- THE DATA -
* * * *

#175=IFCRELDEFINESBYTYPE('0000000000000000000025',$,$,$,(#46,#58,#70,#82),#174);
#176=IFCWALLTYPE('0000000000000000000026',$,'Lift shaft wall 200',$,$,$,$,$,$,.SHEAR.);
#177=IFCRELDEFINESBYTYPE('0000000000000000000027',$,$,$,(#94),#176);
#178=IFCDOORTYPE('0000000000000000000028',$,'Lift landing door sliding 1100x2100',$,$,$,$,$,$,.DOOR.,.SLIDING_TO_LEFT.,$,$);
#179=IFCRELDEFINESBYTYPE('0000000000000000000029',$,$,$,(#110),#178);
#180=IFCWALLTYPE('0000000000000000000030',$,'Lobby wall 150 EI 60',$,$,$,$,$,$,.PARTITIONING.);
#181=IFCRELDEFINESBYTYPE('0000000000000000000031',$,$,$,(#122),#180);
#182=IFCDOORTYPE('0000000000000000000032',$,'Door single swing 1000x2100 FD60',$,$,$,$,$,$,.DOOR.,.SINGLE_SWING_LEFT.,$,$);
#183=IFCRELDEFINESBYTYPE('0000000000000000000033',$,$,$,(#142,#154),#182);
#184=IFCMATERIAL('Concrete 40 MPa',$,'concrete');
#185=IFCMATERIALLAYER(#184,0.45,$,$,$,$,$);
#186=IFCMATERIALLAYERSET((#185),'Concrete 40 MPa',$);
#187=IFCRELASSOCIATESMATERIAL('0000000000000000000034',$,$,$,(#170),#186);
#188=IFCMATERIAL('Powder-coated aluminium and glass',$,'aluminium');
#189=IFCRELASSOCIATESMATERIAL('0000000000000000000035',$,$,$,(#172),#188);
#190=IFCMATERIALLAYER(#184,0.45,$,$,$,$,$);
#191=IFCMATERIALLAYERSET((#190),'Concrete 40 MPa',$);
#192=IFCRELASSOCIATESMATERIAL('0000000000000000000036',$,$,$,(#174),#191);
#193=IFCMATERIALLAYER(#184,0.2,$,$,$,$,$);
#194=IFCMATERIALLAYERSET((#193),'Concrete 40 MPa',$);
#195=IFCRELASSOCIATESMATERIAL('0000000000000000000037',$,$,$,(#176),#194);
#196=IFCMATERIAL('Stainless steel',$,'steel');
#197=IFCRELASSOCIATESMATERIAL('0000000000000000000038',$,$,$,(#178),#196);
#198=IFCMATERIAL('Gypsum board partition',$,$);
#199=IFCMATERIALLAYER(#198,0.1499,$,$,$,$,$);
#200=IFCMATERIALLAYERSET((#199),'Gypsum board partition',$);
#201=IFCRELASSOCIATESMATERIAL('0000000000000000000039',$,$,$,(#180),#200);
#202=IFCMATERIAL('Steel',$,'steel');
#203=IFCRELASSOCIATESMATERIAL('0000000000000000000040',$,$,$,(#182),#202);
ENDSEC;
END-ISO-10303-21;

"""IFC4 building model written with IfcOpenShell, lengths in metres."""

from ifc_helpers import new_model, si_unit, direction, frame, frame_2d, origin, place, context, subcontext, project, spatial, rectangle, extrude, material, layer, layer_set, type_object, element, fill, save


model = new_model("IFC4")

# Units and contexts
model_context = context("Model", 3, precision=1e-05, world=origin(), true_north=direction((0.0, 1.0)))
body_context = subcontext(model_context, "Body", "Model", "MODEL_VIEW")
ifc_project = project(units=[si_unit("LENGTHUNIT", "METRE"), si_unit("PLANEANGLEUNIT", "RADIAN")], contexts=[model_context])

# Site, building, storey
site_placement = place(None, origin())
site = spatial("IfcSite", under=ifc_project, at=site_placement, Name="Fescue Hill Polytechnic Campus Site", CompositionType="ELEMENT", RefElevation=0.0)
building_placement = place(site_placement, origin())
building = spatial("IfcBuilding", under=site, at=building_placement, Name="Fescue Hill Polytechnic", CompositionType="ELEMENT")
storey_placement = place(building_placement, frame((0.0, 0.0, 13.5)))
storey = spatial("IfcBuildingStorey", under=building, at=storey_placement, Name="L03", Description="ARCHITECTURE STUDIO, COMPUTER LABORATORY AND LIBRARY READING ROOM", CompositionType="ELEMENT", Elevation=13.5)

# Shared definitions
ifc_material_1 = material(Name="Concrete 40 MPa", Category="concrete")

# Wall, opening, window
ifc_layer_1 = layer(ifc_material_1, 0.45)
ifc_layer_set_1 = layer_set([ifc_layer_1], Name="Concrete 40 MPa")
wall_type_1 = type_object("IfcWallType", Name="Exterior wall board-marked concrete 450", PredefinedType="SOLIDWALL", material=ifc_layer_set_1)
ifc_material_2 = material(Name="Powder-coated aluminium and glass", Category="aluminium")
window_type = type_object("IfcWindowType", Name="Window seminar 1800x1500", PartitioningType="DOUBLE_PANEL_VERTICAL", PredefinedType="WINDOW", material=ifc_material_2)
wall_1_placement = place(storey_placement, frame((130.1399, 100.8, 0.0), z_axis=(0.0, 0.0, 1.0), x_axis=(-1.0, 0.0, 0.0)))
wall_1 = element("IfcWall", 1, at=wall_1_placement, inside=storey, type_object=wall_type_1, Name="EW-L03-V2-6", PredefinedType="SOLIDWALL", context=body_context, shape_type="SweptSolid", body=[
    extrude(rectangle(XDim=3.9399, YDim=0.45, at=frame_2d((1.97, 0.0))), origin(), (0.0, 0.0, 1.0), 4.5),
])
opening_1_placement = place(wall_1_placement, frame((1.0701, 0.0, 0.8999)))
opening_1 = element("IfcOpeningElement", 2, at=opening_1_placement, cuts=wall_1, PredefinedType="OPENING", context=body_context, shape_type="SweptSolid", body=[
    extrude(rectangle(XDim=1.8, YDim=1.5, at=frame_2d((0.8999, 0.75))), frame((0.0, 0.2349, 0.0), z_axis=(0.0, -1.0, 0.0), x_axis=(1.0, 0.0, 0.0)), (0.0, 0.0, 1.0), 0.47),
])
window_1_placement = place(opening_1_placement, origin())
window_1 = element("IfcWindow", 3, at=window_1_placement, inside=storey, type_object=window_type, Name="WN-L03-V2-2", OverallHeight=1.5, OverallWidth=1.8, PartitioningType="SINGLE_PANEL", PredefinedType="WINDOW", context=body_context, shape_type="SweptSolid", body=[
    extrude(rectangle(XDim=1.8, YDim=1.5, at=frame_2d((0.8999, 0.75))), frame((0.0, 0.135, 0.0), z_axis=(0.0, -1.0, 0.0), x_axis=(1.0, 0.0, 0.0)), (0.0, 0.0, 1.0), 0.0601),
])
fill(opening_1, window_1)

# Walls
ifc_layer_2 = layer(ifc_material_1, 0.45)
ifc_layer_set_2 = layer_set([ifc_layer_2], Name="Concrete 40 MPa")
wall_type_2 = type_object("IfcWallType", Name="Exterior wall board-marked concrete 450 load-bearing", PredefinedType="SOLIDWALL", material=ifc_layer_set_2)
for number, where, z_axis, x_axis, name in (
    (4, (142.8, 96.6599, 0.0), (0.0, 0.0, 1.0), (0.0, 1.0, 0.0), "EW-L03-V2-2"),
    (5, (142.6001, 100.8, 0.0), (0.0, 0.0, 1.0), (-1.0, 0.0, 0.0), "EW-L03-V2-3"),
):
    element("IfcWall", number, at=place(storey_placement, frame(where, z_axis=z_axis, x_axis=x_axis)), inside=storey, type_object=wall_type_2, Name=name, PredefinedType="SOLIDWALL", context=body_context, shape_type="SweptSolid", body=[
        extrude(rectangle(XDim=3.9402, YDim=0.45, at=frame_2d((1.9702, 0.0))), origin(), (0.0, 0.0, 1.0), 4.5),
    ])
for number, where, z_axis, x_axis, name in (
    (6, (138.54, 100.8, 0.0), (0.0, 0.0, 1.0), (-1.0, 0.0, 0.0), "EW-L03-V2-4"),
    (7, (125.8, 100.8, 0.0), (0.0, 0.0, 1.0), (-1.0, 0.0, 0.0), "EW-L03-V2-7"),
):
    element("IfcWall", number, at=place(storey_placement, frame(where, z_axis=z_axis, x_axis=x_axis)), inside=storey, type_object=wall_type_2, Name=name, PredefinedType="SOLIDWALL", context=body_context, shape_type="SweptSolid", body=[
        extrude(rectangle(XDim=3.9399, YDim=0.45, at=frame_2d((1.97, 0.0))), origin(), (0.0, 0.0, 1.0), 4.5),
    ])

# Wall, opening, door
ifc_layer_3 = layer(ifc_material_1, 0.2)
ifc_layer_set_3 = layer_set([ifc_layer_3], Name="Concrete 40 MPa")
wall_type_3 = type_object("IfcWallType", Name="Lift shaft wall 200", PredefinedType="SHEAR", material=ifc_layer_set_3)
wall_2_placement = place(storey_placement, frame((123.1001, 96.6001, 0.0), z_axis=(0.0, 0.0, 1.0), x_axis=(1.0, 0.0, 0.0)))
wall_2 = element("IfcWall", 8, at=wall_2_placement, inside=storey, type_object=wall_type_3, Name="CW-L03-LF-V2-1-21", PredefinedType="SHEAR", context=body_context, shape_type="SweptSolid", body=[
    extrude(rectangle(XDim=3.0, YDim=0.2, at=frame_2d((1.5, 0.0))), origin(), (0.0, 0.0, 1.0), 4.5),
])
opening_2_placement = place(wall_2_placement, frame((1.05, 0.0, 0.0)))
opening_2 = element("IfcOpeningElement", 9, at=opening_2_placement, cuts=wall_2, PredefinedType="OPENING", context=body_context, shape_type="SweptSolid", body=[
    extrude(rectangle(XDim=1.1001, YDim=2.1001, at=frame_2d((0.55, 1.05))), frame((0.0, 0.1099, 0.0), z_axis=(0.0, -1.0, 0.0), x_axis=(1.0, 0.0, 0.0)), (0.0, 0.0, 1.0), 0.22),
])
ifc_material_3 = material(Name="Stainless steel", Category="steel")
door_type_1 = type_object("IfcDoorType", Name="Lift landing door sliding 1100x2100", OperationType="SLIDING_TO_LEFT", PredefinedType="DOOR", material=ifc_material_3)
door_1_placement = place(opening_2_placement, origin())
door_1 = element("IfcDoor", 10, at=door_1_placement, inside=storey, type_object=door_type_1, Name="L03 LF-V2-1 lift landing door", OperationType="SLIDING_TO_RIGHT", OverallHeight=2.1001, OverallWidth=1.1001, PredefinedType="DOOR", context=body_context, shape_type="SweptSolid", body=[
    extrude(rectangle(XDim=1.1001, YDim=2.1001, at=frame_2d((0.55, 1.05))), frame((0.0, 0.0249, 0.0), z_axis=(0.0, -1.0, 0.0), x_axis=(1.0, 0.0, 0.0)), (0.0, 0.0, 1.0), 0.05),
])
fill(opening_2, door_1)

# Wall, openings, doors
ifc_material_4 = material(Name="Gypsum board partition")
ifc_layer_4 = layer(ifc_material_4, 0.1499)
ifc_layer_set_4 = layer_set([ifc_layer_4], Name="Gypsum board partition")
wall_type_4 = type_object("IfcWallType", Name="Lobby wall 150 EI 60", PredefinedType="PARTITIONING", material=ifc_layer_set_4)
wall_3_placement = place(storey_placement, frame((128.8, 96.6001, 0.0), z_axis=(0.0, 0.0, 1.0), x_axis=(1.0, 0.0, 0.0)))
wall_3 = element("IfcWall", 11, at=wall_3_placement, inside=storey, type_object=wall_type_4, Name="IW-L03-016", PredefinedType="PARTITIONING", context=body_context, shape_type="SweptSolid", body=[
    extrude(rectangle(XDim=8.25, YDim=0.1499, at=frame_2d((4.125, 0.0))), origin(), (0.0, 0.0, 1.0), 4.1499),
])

* * * *

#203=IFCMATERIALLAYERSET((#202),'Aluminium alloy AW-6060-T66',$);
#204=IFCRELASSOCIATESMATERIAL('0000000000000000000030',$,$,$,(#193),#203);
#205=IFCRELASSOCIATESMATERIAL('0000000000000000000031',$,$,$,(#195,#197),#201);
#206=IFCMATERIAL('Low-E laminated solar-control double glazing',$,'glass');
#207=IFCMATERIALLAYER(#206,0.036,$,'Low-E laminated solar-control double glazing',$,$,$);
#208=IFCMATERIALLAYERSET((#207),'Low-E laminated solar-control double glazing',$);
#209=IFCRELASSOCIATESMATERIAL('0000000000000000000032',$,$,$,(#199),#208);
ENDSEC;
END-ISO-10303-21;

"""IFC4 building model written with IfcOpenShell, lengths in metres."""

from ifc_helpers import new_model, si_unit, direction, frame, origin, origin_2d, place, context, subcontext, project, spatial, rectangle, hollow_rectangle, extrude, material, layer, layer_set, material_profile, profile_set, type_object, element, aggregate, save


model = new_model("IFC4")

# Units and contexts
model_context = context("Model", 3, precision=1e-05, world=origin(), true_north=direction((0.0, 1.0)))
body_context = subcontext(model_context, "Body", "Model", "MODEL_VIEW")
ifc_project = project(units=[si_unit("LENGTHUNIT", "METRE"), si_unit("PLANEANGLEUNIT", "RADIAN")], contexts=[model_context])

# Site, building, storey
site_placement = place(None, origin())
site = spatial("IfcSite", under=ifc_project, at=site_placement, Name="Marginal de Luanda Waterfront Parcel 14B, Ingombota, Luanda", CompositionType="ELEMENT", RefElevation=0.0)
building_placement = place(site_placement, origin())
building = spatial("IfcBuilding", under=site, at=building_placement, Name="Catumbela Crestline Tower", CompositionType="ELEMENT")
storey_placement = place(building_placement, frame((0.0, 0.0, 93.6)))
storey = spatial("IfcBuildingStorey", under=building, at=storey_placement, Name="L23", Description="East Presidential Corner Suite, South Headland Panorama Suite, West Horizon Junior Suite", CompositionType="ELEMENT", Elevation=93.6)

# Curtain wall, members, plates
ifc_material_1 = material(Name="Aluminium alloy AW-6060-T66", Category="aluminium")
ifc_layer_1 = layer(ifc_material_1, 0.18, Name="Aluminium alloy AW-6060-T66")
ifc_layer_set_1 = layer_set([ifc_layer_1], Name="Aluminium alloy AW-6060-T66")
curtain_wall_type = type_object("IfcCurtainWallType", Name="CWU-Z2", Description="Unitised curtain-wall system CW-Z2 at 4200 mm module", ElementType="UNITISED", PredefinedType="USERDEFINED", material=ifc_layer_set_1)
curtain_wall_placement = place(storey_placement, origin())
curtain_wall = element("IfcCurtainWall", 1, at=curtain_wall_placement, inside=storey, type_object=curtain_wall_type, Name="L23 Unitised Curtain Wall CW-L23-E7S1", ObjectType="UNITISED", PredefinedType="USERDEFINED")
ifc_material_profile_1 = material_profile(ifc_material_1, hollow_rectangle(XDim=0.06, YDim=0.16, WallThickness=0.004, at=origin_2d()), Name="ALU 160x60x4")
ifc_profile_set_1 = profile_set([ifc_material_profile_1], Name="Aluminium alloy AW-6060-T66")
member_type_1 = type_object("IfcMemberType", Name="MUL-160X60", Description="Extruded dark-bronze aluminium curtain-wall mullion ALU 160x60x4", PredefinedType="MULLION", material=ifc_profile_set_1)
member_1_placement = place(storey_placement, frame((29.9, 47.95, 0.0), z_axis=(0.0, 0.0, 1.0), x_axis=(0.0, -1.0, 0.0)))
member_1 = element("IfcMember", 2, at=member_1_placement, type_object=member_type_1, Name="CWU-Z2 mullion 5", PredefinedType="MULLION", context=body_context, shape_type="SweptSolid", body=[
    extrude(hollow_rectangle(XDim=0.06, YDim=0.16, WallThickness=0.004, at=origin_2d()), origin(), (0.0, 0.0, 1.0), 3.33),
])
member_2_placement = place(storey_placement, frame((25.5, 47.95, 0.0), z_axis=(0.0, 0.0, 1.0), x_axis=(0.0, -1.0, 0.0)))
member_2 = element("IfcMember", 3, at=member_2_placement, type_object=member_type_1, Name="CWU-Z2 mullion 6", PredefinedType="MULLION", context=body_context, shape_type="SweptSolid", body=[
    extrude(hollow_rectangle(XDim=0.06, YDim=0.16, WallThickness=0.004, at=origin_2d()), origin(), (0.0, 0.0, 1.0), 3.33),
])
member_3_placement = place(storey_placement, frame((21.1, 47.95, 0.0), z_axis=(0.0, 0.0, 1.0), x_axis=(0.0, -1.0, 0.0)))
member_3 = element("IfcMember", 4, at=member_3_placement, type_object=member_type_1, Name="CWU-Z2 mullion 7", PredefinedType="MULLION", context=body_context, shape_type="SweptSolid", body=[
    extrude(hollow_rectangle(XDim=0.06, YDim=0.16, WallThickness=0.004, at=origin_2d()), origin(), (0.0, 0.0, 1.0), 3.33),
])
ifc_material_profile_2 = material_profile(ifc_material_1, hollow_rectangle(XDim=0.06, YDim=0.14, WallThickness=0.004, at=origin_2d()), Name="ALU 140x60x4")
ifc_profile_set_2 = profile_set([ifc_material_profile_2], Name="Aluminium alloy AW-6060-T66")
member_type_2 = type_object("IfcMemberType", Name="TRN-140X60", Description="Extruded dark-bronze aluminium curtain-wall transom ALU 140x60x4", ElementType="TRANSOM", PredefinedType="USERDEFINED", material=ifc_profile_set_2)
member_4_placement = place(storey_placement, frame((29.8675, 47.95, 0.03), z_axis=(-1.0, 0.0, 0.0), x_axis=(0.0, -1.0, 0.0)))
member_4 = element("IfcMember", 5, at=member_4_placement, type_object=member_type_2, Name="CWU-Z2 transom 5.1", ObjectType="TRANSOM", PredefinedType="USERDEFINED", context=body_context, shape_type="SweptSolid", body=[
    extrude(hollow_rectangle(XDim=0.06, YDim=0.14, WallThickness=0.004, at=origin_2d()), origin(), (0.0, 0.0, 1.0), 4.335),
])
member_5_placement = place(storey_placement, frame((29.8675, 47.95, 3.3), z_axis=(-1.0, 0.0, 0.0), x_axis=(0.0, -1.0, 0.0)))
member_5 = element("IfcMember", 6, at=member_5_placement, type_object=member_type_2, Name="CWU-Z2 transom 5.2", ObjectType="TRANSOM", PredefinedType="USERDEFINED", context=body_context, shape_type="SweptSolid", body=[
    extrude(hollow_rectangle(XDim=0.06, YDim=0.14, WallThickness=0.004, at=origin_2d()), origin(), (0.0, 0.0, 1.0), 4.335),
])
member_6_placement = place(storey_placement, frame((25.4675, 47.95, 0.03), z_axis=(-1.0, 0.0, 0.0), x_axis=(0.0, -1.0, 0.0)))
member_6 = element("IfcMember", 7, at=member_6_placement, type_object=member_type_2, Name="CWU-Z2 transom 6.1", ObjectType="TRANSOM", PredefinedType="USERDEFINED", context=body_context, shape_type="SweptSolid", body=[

* * * *

- YOUR OBJECTIVE -
Each line in the material either holds the string "glazing" or does not. State how many do, and nothing else.

- SOLVED EXERCISE -
3